-- Work to be completed --
Filter the records below down to lines containing "IFCPOLYGONALFACESET".

Saved entries:
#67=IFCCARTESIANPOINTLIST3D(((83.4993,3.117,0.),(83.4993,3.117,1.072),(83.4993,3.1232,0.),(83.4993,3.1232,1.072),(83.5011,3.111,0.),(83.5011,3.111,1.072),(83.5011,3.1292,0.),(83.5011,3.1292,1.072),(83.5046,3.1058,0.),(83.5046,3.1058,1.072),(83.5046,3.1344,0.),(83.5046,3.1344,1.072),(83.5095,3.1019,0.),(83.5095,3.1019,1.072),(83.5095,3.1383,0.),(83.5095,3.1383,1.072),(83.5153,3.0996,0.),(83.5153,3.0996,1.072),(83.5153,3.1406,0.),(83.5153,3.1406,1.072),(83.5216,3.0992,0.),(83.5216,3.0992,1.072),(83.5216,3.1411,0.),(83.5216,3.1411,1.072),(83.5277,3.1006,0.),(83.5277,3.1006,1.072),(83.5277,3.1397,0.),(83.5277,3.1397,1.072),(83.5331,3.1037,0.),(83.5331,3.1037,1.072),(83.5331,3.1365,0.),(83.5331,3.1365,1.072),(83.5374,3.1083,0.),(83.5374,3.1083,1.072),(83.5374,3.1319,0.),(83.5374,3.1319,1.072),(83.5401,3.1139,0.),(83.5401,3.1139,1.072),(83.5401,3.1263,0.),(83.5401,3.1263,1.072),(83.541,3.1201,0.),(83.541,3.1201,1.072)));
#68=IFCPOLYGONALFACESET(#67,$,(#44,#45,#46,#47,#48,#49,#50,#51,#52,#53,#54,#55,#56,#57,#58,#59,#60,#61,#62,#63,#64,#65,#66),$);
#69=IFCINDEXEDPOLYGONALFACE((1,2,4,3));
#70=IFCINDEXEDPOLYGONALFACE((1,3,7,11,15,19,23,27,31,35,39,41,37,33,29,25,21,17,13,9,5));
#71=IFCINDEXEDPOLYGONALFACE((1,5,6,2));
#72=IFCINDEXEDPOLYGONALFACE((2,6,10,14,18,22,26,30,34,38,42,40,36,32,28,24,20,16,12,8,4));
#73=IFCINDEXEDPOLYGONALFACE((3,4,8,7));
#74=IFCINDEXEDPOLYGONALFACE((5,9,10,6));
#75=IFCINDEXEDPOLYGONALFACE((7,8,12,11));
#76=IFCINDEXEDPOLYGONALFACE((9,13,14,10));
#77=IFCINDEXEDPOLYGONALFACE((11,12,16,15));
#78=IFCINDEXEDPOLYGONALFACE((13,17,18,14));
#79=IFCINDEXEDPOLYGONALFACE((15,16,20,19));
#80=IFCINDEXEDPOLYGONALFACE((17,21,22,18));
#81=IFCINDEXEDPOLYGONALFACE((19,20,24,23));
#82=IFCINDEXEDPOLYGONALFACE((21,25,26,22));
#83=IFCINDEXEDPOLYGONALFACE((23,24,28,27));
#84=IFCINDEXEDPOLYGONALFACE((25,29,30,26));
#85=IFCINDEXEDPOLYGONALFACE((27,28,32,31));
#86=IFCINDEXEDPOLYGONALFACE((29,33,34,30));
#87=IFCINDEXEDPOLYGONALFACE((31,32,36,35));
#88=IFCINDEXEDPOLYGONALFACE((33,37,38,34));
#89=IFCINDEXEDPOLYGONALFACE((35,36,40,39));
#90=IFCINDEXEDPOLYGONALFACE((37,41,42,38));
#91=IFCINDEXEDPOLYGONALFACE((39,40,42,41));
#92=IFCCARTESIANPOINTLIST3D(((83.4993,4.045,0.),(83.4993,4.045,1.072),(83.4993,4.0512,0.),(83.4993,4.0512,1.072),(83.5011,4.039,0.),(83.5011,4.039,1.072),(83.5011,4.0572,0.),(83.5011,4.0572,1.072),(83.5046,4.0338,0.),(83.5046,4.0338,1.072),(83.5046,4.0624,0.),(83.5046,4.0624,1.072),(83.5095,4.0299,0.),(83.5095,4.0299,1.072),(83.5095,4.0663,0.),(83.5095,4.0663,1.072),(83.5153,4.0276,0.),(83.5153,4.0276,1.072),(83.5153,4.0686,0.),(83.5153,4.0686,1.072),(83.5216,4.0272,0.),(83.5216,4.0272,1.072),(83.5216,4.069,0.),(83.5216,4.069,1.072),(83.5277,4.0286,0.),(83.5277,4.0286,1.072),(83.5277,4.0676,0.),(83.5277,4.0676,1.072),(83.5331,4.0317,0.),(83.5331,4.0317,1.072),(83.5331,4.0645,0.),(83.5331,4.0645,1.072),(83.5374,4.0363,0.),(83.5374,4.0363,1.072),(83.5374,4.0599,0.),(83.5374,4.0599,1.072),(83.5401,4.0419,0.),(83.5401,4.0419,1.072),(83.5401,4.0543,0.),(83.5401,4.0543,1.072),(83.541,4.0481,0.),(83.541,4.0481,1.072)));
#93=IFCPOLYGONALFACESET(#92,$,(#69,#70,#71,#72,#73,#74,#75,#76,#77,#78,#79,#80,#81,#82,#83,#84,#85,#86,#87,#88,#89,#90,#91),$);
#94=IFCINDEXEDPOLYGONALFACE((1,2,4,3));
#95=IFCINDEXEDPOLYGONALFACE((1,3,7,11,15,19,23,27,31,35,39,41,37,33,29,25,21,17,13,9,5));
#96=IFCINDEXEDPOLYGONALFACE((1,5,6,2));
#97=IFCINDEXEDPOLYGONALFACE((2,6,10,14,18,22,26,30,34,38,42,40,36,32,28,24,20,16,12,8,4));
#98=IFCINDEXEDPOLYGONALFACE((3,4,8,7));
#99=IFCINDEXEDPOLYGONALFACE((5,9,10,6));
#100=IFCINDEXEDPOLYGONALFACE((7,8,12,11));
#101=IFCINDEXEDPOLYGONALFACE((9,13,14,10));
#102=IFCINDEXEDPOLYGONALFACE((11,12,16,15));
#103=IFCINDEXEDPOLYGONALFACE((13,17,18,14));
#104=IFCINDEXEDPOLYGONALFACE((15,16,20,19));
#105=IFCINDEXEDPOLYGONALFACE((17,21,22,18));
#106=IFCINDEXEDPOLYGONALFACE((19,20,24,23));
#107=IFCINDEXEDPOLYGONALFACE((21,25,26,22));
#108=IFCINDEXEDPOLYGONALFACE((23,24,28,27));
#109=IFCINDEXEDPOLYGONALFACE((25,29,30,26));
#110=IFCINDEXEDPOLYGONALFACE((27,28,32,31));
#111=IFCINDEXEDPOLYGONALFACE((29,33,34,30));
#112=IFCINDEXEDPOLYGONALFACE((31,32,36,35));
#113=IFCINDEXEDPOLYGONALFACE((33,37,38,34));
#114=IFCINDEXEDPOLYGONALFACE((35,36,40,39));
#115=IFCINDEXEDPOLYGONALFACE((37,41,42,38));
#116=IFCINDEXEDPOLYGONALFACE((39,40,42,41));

-- Exercise response --
#68=IFCPOLYGONALFACESET(#67,$,(#44,#45,#46,#47,#48,#49,#50,#51,#52,#53,#54,#55,#56,#57,#58,#59,#60,#61,#62,#63,#64,#65,#66),$);
#93=IFCPOLYGONALFACESET(#92,$,(#69,#70,#71,#72,#73,#74,#75,#76,#77,#78,#79,#80,#81,#82,#83,#84,#85,#86,#87,#88,#89,#90,#91),$);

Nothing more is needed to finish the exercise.